*** Recorded data
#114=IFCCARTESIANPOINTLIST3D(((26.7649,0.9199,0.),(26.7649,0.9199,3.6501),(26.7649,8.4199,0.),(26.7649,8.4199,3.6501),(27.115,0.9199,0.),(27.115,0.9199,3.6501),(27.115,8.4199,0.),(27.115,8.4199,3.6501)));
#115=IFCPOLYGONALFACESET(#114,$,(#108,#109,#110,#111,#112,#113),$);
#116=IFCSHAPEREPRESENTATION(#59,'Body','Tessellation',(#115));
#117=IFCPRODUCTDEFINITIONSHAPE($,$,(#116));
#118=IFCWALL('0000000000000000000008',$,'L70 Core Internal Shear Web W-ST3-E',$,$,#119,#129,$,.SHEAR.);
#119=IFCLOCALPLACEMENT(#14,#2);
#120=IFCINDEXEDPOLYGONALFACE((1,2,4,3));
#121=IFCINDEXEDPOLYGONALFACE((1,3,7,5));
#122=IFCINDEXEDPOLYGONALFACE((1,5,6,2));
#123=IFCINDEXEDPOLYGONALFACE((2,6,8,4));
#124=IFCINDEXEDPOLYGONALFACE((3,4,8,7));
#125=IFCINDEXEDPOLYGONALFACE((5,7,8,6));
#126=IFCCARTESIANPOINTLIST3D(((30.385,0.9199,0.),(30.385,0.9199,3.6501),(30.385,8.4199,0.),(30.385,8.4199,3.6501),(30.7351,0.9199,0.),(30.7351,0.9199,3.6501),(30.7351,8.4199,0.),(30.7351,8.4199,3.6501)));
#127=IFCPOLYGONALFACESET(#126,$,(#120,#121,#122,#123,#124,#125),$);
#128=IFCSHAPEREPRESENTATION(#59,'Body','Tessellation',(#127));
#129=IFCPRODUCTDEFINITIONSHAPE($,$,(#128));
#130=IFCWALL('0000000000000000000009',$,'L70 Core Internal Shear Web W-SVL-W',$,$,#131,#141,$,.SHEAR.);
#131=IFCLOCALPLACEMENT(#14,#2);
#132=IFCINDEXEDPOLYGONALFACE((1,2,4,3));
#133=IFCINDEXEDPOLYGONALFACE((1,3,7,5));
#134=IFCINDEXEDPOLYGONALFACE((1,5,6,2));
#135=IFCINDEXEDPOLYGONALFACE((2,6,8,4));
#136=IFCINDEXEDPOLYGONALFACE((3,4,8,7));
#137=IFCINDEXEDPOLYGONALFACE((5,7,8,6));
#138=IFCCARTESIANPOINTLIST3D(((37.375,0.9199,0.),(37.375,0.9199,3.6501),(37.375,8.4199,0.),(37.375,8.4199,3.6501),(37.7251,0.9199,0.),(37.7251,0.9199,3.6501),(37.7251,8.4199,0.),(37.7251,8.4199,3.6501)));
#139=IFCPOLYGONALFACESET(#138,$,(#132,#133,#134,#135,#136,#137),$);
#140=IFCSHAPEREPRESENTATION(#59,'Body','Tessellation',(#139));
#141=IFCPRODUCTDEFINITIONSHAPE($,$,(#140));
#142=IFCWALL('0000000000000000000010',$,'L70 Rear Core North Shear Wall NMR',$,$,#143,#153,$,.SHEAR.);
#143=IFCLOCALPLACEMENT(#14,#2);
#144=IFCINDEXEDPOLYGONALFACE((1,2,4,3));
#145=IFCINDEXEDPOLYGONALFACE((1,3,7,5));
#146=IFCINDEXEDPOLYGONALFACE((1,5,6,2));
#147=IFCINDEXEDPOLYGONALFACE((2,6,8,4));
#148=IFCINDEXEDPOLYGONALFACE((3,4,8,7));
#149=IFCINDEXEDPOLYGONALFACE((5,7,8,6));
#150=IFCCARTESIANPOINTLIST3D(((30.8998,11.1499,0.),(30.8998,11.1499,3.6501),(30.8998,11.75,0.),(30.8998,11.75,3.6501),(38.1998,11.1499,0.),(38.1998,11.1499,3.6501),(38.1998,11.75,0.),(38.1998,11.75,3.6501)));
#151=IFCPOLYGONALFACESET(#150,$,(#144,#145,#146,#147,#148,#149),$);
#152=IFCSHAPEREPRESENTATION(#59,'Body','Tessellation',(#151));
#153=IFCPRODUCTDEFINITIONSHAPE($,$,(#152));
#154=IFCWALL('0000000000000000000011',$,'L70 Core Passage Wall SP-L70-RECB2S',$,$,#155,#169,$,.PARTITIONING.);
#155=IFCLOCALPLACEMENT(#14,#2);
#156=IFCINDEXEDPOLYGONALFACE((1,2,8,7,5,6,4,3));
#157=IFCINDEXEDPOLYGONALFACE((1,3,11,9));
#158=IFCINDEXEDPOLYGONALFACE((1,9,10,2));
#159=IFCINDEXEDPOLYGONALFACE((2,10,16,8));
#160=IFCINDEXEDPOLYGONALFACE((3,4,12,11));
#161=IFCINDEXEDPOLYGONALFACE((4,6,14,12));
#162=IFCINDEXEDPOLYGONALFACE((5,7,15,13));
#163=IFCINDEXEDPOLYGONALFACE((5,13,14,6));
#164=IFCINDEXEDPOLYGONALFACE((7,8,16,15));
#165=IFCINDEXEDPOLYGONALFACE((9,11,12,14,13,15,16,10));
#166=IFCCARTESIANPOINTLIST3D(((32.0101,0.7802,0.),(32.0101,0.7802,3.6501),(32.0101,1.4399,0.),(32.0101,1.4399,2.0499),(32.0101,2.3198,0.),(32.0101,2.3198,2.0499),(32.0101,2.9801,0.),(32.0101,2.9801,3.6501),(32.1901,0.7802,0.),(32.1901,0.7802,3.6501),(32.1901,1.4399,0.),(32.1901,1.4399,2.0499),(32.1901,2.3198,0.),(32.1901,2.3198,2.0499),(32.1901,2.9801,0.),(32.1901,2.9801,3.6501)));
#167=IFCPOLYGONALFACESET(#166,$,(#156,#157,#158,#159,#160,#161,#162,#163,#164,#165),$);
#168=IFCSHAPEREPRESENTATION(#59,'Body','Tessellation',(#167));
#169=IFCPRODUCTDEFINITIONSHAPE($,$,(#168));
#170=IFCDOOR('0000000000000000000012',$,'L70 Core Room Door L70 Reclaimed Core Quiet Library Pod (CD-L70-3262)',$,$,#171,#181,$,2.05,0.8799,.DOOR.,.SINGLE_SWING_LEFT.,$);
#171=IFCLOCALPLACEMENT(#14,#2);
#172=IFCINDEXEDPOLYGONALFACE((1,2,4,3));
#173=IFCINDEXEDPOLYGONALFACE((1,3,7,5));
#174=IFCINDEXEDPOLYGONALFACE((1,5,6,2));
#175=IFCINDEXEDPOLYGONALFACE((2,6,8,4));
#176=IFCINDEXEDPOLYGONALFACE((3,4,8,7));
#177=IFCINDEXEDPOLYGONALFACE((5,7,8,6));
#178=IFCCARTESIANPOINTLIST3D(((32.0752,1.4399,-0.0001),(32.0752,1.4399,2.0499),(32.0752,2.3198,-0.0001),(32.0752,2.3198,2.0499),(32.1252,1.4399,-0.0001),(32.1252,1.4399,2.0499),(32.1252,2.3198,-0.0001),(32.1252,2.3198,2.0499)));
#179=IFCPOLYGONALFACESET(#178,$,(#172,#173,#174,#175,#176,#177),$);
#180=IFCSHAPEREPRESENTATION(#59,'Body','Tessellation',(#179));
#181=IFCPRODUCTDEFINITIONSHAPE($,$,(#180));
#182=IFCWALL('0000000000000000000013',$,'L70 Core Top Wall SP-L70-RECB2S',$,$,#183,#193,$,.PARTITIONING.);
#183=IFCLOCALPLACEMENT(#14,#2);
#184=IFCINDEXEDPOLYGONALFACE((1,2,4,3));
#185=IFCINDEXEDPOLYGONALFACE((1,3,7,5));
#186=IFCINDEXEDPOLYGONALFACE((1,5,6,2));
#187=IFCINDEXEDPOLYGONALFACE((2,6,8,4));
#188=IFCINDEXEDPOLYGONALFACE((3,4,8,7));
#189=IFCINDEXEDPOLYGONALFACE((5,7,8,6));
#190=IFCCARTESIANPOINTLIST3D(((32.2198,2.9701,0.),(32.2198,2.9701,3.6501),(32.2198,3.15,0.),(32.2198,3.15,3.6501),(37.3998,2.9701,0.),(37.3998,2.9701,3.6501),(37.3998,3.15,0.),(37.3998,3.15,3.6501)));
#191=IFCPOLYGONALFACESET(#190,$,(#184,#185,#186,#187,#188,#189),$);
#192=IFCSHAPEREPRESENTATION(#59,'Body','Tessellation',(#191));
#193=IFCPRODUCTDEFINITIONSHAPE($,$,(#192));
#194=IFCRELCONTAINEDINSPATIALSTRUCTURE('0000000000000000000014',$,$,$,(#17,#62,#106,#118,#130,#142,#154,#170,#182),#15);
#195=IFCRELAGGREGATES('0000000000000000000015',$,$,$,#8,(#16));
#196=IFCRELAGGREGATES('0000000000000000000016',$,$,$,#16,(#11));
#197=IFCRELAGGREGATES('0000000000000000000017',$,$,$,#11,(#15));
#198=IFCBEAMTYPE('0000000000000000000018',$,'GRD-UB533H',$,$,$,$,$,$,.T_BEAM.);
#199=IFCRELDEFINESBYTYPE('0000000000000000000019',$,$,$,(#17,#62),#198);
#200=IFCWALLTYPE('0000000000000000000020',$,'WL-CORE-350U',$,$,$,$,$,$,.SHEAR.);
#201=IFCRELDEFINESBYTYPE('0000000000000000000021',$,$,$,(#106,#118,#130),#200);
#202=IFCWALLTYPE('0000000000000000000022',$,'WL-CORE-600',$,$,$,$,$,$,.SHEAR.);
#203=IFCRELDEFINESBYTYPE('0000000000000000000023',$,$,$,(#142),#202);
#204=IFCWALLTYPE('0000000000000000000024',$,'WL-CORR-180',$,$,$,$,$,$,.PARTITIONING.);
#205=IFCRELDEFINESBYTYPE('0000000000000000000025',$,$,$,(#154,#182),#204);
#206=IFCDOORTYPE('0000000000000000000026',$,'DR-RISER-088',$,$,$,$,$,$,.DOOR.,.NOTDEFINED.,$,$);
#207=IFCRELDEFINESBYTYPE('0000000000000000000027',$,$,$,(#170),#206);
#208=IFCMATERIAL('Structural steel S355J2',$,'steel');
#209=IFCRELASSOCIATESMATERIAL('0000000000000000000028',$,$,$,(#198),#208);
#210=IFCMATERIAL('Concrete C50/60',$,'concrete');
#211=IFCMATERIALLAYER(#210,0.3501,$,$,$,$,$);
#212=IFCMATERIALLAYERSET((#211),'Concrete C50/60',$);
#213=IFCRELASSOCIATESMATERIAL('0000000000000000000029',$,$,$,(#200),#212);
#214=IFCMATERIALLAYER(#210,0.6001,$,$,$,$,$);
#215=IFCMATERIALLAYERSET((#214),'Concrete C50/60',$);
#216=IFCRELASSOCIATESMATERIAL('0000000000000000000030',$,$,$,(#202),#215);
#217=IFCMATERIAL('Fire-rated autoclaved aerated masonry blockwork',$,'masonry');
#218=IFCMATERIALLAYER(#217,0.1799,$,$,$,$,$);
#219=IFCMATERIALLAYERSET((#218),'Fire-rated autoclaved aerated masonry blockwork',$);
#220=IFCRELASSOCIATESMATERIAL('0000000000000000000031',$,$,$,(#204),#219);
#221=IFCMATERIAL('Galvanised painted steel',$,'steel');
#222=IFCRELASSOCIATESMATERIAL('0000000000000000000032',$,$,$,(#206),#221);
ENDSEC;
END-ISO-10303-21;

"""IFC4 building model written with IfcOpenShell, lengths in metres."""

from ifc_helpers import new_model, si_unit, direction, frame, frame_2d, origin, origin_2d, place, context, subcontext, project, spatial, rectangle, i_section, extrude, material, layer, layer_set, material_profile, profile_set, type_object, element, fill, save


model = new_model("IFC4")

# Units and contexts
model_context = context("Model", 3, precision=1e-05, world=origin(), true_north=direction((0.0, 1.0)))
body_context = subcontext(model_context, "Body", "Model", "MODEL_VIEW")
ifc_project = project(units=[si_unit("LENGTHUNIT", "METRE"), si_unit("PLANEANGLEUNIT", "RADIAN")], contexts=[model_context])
******
Sift the data above for lines with "Fire", then copy each one.

### Solution for this problem
#217=IFCMATERIAL('Fire-rated autoclaved aerated masonry blockwork',$,'masonry');
#219=IFCMATERIALLAYERSET((#218),'Fire-rated autoclaved aerated masonry blockwork',$);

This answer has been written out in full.